▸ Problem description:
Scan the entries that follow for the word "IFCRELAGGREGATES", then report every line in which it appears.

Source records:
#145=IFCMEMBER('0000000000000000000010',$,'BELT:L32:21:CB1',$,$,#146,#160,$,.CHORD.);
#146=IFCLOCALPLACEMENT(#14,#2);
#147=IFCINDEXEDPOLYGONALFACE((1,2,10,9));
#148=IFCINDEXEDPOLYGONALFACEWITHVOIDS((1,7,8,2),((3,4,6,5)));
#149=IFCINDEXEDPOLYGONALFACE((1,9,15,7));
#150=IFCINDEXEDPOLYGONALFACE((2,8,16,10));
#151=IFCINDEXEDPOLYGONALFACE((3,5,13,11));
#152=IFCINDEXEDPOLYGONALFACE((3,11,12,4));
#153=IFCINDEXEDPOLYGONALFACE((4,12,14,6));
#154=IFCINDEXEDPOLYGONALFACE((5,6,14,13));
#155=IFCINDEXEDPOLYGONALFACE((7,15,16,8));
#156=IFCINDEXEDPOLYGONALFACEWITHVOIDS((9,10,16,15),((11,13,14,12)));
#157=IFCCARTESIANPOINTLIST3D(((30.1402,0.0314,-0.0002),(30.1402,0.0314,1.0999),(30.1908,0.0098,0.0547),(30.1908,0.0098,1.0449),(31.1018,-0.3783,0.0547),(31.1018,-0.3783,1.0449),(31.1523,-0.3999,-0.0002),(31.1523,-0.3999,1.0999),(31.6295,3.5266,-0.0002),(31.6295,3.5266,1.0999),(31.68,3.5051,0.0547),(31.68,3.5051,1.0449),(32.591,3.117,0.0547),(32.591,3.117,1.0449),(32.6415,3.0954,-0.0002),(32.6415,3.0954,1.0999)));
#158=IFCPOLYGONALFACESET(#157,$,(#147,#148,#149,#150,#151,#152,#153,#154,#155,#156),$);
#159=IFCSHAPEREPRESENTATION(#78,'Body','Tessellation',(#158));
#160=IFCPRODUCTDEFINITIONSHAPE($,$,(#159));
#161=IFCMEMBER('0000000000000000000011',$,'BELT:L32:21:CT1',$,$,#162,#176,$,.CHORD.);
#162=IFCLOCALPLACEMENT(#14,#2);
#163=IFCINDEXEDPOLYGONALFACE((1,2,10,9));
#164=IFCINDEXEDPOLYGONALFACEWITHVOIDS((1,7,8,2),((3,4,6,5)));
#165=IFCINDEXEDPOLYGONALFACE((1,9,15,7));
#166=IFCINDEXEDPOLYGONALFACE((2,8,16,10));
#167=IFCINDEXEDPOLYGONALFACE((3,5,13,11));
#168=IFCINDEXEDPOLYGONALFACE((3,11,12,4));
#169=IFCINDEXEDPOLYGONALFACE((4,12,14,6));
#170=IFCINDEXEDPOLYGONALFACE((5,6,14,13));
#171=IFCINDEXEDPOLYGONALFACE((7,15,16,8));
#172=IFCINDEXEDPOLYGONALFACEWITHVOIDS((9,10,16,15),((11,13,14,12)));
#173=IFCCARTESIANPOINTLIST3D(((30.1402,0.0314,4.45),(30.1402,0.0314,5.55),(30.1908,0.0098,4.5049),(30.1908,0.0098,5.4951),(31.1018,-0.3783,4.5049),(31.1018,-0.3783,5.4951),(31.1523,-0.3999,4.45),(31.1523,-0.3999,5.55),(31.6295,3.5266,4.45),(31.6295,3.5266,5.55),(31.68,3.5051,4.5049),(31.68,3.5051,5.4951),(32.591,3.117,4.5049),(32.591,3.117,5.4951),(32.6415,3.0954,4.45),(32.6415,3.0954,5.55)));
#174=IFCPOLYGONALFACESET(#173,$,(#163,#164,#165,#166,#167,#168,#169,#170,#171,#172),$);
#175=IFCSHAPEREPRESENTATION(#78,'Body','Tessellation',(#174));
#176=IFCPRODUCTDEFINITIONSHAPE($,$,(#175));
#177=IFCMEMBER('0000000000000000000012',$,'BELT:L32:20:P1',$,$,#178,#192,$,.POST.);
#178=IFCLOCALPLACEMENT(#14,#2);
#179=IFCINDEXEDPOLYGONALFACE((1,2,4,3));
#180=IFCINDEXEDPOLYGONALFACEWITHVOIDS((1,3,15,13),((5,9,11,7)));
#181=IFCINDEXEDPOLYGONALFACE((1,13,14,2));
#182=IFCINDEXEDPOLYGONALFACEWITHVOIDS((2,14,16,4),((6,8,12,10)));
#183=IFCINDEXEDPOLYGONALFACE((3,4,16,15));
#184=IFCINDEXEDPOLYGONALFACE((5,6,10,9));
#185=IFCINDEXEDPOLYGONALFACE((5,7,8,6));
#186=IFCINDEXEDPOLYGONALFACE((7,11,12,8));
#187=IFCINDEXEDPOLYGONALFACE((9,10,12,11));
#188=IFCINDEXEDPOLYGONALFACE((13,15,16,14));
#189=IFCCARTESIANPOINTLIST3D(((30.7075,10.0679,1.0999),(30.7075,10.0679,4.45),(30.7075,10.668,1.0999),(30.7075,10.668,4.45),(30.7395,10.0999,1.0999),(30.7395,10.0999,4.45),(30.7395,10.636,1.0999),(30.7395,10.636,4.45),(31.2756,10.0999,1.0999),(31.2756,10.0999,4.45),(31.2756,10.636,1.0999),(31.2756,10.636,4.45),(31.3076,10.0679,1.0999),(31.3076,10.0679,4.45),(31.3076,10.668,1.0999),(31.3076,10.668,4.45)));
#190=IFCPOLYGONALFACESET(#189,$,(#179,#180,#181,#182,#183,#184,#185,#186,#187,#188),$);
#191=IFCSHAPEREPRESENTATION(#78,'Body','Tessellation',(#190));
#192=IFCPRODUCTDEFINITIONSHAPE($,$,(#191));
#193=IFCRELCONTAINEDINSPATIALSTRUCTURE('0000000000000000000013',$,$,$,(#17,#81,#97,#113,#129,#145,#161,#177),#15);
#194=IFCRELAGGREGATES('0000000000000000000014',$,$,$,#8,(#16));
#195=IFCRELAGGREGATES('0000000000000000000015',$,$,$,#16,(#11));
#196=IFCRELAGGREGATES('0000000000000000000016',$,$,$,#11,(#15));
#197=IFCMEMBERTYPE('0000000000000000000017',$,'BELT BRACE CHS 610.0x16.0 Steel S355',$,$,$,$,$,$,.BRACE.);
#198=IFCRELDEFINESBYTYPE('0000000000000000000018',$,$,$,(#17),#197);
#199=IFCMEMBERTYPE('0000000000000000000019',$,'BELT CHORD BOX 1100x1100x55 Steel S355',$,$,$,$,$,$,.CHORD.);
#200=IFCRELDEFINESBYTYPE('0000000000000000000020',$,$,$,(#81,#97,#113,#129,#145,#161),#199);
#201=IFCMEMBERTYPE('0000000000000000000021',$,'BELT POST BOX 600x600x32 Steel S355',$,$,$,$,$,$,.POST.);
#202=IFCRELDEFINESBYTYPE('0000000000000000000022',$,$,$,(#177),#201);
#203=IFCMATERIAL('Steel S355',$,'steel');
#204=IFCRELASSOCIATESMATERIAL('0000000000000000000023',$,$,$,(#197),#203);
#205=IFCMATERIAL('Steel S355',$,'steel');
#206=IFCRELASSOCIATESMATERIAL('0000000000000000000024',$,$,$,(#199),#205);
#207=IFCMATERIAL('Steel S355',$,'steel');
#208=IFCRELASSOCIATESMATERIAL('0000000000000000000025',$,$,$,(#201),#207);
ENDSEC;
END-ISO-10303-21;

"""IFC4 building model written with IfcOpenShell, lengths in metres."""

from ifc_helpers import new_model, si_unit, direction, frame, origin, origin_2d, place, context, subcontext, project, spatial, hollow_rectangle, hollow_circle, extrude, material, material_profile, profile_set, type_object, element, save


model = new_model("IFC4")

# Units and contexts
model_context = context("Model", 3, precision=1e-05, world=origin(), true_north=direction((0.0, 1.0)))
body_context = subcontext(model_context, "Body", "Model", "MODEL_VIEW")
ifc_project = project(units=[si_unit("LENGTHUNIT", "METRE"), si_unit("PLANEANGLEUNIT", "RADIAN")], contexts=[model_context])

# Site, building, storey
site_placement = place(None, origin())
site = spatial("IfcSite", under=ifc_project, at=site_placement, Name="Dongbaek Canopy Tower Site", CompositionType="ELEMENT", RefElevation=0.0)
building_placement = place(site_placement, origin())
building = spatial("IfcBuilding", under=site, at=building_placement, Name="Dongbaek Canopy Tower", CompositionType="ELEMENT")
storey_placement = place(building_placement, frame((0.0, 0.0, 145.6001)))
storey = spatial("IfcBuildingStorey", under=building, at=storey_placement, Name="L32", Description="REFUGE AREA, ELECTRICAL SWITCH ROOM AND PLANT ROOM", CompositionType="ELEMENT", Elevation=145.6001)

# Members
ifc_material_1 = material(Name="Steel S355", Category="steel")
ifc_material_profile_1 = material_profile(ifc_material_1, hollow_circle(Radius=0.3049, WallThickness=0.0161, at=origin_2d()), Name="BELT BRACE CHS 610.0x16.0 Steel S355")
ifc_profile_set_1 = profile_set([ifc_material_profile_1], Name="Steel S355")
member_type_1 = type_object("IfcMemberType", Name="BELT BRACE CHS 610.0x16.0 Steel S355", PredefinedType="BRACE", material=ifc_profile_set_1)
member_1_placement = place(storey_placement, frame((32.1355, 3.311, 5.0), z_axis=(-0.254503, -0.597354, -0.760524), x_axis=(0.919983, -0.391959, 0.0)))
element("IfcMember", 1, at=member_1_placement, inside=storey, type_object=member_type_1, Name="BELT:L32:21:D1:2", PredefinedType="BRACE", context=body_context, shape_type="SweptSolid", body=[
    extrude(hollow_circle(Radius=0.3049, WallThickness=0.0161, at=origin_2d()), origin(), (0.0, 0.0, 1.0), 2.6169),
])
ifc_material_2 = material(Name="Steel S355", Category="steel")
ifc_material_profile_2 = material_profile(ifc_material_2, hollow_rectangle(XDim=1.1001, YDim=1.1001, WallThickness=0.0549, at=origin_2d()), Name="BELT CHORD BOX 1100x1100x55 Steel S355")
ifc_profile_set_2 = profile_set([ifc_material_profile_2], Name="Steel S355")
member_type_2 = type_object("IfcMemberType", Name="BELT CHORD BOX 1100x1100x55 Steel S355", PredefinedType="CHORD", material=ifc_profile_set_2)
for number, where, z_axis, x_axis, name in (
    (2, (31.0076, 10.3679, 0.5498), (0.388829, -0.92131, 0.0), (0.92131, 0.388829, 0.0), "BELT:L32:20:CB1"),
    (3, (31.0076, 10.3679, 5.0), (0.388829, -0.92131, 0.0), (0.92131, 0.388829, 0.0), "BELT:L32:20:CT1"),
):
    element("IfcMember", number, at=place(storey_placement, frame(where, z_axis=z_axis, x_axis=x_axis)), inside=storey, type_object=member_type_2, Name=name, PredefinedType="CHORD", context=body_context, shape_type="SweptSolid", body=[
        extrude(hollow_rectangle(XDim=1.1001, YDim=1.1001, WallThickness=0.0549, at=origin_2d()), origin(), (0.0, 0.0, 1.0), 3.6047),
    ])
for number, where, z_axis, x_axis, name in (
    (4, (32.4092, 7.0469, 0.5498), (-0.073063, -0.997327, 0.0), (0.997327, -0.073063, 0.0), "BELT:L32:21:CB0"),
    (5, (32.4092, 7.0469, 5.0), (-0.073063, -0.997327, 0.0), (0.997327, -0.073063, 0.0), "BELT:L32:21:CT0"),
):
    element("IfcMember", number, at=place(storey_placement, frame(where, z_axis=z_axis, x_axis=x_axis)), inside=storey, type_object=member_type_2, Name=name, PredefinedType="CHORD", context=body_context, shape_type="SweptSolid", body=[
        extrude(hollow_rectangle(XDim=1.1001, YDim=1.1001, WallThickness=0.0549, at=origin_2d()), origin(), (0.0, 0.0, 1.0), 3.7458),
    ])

==

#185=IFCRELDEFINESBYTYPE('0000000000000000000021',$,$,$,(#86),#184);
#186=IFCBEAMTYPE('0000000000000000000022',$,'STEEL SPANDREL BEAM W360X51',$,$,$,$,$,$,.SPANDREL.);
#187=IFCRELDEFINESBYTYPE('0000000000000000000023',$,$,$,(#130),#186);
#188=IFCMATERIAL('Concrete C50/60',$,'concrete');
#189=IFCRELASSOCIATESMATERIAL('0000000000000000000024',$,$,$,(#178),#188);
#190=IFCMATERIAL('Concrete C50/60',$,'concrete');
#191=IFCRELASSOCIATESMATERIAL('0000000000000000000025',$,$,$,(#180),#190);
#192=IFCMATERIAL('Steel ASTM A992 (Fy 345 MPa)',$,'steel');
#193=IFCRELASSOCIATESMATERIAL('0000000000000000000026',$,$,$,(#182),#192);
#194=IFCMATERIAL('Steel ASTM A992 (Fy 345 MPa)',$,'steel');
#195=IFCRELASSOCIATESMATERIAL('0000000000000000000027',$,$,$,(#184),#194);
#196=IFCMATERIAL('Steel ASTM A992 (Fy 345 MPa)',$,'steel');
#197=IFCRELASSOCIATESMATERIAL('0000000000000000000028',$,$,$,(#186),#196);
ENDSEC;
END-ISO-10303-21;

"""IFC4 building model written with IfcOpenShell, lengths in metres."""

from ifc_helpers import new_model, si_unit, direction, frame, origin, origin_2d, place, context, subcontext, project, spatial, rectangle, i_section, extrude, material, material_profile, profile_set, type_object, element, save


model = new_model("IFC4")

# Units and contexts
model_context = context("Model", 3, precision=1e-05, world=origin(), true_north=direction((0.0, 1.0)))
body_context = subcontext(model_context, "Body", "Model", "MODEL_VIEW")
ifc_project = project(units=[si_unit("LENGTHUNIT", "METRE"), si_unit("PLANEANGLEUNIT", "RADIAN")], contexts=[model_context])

▸ Your solution:
#194=IFCRELAGGREGATES('0000000000000000000014',$,$,$,#8,(#16));
#195=IFCRELAGGREGATES('0000000000000000000015',$,$,$,#16,(#11));
#196=IFCRELAGGREGATES('0000000000000000000016',$,$,$,#11,(#15));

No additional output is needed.